ASSIGNED TASK
Pull every line holding the word "clay" from the data below and copy it.

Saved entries
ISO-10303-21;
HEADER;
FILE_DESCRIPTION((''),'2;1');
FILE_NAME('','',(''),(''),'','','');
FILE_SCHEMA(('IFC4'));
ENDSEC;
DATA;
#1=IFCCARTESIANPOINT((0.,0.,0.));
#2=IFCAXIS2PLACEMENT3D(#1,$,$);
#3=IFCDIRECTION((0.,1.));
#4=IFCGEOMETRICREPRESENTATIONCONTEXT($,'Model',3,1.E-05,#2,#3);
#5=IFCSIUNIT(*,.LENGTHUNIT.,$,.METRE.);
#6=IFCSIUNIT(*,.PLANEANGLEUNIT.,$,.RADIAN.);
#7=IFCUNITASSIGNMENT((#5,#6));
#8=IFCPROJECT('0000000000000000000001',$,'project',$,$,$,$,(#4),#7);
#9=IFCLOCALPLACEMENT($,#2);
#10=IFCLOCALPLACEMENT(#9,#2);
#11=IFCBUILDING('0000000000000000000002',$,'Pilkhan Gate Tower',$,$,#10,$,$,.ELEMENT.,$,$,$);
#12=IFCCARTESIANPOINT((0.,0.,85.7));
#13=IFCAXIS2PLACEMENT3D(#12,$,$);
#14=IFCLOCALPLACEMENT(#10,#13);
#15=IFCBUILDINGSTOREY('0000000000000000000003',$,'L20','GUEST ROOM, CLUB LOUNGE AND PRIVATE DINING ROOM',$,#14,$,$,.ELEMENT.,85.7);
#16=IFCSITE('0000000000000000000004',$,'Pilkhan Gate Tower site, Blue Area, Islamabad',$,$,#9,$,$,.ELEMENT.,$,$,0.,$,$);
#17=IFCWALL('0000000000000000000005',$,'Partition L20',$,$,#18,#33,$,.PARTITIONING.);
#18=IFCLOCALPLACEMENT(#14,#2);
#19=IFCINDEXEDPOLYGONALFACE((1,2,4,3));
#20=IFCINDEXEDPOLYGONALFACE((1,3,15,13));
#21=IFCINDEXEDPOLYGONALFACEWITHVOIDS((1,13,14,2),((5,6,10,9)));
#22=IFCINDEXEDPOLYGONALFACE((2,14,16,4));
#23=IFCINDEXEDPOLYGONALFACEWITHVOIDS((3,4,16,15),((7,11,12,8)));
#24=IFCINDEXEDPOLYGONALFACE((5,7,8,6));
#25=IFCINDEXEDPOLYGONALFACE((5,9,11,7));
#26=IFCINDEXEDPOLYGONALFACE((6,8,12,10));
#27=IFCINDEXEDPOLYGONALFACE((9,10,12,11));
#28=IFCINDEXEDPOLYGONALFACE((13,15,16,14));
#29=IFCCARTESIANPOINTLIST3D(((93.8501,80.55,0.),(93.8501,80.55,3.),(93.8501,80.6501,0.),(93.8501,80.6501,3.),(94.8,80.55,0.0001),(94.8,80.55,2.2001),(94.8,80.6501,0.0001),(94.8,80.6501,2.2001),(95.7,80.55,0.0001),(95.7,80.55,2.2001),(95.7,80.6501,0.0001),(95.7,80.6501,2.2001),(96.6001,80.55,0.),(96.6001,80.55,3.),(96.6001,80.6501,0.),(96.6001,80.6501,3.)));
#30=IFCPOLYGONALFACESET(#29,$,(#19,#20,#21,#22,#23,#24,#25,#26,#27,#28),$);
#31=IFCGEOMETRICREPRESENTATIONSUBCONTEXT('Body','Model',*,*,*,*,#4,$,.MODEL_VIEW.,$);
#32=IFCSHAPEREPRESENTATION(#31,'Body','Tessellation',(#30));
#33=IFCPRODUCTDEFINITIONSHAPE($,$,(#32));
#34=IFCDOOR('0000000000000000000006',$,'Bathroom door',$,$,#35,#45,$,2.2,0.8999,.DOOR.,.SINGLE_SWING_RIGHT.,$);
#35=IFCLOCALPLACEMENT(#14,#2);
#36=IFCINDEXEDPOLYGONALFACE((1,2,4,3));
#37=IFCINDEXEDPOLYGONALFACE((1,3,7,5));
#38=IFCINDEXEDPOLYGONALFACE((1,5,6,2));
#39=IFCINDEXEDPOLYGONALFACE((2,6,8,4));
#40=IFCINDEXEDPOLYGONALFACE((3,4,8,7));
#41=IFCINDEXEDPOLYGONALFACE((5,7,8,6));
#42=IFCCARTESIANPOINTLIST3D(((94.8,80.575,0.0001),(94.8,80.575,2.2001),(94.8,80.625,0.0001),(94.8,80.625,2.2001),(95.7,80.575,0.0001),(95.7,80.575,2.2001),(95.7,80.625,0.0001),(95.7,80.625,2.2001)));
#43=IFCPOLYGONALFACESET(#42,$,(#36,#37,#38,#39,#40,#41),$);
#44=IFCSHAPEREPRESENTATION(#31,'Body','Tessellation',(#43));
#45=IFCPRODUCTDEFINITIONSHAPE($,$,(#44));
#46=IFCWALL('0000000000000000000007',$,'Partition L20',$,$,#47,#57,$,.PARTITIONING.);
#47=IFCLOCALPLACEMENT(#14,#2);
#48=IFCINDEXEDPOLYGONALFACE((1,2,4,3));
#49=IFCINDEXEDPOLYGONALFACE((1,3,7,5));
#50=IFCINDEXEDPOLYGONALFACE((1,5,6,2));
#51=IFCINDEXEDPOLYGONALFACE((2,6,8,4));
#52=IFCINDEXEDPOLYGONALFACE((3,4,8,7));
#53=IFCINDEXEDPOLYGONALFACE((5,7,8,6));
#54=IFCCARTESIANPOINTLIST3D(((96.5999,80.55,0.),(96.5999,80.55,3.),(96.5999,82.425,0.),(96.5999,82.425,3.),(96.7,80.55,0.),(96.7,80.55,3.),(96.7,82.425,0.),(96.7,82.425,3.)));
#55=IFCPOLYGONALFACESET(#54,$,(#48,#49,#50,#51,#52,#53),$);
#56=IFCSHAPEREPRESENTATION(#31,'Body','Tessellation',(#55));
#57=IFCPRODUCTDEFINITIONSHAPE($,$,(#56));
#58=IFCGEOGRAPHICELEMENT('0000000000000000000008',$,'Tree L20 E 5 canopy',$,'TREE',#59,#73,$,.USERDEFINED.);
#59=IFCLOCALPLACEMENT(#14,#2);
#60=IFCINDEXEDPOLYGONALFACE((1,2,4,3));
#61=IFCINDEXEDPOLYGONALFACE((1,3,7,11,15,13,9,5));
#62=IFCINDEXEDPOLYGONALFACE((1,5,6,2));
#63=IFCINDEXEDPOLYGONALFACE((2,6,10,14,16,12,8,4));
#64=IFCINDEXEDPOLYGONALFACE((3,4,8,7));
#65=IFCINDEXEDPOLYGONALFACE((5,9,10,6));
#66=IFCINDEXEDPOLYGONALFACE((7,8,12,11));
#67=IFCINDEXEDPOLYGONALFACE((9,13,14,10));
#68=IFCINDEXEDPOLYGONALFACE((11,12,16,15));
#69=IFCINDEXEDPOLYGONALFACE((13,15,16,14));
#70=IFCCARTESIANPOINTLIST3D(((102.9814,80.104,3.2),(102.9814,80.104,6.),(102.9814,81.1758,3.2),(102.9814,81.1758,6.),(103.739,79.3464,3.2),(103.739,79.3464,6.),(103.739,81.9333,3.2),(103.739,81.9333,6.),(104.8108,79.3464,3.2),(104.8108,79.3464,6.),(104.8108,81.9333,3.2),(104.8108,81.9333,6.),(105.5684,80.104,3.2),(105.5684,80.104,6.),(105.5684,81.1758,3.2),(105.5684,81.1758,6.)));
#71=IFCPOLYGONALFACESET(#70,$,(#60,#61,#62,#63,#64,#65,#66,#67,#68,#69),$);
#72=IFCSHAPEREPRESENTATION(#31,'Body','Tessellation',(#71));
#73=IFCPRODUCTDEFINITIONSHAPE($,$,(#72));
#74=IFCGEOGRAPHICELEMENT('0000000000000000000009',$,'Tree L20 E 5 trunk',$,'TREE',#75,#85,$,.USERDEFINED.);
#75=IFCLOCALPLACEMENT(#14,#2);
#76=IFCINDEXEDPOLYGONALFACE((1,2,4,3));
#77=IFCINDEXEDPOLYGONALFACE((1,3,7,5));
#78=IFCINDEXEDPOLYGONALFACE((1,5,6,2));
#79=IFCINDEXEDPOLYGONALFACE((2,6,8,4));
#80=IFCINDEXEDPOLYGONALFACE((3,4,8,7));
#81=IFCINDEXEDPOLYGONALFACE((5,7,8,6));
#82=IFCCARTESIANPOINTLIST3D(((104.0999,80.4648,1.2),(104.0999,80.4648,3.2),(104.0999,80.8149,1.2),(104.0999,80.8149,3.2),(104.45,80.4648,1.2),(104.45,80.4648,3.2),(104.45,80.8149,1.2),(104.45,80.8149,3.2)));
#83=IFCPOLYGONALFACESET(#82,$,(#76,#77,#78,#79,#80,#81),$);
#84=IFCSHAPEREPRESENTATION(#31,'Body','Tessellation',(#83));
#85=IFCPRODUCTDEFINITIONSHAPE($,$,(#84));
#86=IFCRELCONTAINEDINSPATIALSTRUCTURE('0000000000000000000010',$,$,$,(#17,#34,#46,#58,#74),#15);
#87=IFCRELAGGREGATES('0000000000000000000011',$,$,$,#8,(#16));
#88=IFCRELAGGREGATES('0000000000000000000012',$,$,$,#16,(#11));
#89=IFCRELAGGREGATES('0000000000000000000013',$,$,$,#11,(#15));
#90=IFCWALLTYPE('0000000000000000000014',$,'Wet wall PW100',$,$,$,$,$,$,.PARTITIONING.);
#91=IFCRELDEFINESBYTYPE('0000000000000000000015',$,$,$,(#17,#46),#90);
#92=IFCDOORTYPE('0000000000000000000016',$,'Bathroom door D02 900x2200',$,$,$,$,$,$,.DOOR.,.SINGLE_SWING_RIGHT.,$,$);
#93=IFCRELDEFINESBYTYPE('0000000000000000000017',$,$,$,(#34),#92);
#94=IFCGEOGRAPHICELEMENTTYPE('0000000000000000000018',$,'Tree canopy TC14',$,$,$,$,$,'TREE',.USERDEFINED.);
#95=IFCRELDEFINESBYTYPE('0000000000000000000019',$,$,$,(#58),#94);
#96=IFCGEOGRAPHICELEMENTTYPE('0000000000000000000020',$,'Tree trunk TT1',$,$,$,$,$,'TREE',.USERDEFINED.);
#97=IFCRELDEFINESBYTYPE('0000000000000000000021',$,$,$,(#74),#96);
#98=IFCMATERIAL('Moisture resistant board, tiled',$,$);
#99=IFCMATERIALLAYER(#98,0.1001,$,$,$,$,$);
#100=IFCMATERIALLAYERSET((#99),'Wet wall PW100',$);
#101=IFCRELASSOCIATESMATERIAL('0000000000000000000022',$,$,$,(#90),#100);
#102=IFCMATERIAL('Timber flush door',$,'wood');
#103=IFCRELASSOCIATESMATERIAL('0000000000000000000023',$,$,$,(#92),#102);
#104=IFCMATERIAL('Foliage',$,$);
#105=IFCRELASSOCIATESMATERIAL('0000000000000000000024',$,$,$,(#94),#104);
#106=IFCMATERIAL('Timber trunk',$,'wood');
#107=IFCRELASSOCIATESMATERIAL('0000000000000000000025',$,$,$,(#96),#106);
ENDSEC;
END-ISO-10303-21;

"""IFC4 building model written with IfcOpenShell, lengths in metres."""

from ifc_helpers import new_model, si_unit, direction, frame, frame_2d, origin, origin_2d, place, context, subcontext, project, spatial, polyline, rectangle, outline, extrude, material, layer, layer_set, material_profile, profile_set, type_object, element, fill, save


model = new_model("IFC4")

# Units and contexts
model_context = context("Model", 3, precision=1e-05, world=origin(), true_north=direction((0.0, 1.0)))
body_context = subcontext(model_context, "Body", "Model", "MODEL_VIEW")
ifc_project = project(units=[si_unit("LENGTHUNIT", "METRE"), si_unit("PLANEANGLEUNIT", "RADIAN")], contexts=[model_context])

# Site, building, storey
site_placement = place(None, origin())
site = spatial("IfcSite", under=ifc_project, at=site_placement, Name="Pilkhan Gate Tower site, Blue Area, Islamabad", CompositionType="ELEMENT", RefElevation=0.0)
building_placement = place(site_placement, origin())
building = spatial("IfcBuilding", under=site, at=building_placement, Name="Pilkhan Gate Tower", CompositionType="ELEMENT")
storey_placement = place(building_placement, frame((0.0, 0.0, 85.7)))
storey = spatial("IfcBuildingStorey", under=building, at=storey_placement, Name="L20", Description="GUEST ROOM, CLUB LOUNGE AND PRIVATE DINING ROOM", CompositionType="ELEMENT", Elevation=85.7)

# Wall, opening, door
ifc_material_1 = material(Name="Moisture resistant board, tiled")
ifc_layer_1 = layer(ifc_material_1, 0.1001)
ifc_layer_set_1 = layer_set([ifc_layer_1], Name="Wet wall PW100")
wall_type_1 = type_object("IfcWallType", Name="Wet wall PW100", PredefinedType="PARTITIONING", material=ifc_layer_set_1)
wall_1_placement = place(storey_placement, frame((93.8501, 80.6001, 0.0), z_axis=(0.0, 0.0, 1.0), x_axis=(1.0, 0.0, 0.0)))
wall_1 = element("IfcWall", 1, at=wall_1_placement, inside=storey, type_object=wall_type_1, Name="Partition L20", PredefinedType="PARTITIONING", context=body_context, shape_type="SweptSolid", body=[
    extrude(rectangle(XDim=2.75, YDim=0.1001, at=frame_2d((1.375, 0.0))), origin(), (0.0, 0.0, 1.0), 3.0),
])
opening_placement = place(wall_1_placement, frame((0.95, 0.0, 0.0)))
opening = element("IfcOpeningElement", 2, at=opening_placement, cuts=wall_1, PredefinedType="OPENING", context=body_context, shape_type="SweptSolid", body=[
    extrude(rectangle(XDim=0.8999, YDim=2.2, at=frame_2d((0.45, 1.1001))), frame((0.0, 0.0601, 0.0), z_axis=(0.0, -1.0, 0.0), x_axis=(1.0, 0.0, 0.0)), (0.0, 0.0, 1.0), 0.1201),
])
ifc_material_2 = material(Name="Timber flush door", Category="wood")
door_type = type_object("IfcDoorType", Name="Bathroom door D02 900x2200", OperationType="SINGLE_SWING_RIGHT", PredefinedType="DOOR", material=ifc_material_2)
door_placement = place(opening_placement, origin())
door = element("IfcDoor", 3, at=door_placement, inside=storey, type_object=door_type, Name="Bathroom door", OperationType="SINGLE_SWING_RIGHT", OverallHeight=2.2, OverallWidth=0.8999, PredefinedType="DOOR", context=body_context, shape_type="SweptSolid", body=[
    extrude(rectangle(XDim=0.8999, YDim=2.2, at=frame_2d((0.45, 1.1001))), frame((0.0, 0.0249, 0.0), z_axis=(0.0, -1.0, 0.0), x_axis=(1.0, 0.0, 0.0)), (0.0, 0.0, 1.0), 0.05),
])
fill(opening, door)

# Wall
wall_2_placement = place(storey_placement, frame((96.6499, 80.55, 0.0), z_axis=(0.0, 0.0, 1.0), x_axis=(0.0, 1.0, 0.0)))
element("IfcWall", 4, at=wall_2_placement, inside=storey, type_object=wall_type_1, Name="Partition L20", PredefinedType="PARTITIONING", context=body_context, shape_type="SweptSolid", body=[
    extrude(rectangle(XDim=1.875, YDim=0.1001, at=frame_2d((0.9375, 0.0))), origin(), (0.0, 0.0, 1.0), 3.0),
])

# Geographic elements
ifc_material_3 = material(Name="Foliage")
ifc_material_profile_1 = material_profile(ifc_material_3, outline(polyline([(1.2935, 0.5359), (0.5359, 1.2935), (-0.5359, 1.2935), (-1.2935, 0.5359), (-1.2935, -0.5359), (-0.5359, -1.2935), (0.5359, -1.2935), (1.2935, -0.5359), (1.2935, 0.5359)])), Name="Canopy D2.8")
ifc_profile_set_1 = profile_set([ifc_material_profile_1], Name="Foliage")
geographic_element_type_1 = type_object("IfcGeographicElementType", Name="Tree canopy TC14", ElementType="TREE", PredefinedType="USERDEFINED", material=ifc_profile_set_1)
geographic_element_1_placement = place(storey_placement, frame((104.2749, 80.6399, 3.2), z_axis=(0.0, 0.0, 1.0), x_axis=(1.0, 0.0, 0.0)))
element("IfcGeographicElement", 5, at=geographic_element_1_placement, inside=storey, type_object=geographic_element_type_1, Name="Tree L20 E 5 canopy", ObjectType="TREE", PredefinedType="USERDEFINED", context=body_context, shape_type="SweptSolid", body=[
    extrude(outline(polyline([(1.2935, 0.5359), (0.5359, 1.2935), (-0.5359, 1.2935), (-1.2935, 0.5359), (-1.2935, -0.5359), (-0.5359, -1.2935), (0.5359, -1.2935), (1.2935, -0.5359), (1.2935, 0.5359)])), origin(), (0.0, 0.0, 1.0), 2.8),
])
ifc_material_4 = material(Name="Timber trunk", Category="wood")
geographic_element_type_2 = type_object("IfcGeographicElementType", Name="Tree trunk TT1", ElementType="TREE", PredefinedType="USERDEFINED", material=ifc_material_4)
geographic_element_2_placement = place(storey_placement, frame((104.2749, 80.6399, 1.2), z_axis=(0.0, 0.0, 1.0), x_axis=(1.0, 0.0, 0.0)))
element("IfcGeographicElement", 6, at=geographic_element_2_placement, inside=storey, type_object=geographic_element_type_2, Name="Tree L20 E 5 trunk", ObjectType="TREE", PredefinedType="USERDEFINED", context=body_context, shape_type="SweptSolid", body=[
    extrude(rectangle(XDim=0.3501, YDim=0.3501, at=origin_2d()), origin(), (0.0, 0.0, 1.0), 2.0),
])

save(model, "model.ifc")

* * *

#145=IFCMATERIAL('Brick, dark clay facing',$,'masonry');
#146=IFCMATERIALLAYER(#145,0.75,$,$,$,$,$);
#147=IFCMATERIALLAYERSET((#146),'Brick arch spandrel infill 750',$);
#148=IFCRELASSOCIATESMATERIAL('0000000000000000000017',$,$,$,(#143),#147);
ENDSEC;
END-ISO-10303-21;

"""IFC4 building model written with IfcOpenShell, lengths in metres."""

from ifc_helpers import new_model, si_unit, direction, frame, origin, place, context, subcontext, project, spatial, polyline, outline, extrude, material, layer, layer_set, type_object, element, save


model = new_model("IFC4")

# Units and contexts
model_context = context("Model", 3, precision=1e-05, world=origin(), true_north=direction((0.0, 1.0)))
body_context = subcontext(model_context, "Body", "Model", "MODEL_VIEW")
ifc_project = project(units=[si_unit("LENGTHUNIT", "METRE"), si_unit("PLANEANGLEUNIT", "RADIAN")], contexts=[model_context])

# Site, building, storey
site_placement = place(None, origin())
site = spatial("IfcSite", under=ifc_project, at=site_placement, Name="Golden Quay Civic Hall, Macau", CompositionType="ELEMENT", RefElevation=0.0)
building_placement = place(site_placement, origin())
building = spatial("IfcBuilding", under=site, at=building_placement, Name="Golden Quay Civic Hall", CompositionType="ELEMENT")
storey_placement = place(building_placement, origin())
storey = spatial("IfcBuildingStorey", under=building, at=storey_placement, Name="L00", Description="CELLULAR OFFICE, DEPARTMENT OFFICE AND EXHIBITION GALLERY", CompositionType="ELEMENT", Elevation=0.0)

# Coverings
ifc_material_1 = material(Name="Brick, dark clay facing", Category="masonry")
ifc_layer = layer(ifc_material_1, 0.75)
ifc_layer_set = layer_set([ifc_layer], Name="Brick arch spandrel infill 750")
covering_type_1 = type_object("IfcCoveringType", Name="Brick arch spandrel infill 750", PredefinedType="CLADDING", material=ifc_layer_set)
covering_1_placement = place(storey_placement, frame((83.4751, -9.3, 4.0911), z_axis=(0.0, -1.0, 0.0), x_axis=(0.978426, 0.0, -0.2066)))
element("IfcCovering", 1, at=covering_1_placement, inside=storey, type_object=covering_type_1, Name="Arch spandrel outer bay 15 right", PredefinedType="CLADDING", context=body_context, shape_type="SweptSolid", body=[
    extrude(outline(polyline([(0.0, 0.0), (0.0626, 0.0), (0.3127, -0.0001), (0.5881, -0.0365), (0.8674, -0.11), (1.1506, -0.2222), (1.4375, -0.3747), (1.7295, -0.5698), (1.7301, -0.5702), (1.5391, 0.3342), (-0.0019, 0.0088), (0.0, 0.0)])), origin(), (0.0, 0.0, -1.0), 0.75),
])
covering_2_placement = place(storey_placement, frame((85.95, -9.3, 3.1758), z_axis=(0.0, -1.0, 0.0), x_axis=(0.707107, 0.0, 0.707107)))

RESULT
#145=IFCMATERIAL('Brick, dark clay facing',$,'masonry');
ifc_material_1 = material(Name="Brick, dark clay facing", Category="masonry")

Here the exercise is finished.